** Task requirements **
Only one stretch of the records below should be repeated. It starts with the line containing "END-ISO-10303-21;" and goes on through the line containing "frame((0.0, 0.0, -5.3999)))", exactly as written.

Stored items

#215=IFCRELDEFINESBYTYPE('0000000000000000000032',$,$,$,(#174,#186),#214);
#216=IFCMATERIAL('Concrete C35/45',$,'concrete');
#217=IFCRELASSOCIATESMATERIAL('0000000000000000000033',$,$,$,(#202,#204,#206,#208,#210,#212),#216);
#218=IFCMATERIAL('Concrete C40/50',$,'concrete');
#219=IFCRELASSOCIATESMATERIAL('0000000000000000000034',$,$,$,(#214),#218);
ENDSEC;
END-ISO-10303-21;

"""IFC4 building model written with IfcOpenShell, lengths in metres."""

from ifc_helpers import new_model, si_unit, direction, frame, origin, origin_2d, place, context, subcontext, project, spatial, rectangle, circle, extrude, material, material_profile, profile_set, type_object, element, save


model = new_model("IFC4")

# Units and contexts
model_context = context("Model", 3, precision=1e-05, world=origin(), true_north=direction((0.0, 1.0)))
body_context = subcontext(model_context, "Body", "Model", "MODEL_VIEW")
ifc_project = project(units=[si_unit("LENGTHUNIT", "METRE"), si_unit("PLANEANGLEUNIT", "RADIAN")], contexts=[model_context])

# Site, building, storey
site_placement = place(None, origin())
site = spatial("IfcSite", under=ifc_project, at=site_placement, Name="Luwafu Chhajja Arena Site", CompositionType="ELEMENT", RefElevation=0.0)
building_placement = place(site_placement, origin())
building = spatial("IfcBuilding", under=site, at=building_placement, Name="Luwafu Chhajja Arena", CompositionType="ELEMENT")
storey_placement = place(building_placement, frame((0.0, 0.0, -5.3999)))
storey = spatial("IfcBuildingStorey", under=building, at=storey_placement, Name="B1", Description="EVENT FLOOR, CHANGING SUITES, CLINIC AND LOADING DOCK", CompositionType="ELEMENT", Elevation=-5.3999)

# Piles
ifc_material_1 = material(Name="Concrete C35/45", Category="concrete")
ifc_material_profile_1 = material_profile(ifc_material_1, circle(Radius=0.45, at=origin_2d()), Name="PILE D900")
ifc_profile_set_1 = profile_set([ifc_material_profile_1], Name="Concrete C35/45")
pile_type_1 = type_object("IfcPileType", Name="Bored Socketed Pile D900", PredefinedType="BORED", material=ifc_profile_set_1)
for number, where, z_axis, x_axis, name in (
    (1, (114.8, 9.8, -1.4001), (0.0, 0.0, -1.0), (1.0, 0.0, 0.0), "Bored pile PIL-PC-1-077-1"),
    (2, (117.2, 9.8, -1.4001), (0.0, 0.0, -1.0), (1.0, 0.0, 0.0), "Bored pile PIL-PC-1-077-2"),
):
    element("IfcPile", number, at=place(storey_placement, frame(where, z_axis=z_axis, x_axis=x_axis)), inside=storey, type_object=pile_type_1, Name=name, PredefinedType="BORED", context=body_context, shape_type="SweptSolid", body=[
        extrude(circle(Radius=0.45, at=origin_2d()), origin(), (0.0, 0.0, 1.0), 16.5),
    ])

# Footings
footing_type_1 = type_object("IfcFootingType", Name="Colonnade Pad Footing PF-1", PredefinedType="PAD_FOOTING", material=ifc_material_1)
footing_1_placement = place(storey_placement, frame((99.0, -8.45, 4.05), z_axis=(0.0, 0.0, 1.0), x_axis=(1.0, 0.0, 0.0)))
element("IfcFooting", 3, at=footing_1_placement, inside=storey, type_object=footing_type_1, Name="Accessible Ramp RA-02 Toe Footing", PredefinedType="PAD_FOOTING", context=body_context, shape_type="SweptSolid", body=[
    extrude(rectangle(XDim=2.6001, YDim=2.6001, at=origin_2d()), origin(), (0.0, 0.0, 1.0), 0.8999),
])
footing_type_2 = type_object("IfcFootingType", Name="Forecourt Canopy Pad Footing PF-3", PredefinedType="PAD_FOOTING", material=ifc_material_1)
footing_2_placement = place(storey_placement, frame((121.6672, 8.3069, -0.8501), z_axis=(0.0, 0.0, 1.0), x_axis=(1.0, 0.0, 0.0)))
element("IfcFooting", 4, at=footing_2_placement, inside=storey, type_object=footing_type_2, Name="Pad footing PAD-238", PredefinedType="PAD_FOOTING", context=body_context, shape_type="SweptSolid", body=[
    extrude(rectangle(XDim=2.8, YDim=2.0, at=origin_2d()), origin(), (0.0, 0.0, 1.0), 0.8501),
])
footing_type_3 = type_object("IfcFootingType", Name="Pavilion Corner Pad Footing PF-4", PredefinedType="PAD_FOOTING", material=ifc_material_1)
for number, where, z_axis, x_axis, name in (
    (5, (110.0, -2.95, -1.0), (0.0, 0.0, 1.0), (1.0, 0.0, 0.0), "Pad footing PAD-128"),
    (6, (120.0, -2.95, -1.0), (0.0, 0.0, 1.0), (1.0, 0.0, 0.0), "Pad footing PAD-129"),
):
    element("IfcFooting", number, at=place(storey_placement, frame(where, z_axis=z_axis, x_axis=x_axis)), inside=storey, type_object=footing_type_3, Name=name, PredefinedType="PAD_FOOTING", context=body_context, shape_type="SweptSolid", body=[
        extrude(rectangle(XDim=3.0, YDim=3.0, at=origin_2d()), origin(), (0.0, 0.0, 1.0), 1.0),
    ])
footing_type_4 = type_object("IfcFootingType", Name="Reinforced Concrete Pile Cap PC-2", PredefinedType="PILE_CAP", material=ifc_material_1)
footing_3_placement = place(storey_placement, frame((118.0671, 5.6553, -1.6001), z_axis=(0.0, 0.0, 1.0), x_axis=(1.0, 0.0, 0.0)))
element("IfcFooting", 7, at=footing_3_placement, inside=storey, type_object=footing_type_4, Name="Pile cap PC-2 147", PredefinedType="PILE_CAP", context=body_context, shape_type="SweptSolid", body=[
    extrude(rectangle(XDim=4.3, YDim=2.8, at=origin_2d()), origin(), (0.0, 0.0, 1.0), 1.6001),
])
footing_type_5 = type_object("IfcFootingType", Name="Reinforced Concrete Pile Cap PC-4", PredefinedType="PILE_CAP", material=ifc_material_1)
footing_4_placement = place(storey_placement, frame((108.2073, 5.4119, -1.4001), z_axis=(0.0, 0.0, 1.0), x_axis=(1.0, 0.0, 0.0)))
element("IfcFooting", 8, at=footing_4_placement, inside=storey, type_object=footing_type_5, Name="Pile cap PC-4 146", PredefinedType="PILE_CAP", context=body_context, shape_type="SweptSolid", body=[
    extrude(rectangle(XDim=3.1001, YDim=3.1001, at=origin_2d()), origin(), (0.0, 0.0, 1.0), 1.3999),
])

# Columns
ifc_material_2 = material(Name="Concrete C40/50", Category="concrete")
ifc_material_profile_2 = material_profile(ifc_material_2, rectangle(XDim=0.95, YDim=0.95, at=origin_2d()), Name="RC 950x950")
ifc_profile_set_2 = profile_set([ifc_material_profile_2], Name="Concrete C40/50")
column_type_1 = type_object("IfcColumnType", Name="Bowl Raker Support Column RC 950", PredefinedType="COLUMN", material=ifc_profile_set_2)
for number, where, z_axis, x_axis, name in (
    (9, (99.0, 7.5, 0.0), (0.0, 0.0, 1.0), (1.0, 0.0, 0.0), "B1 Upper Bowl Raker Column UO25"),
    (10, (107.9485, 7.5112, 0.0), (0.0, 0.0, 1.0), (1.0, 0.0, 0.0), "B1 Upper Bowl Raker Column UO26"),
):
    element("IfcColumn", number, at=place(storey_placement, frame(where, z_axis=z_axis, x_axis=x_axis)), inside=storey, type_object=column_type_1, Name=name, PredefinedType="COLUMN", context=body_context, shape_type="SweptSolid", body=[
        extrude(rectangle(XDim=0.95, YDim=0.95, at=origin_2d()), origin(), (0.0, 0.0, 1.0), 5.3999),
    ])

** Answer area **
END-ISO-10303-21;

"""IFC4 building model written with IfcOpenShell, lengths in metres."""

from ifc_helpers import new_model, si_unit, direction, frame, origin, origin_2d, place, context, subcontext, project, spatial, rectangle, circle, extrude, material, material_profile, profile_set, type_object, element, save


model = new_model("IFC4")

# Units and contexts
model_context = context("Model", 3, precision=1e-05, world=origin(), true_north=direction((0.0, 1.0)))
body_context = subcontext(model_context, "Body", "Model", "MODEL_VIEW")
ifc_project = project(units=[si_unit("LENGTHUNIT", "METRE"), si_unit("PLANEANGLEUNIT", "RADIAN")], contexts=[model_context])

# Site, building, storey
site_placement = place(None, origin())
site = spatial("IfcSite", under=ifc_project, at=site_placement, Name="Luwafu Chhajja Arena Site", CompositionType="ELEMENT", RefElevation=0.0)
building_placement = place(site_placement, origin())
building = spatial("IfcBuilding", under=site, at=building_placement, Name="Luwafu Chhajja Arena", CompositionType="ELEMENT")
storey_placement = place(building_placement, frame((0.0, 0.0, -5.3999)))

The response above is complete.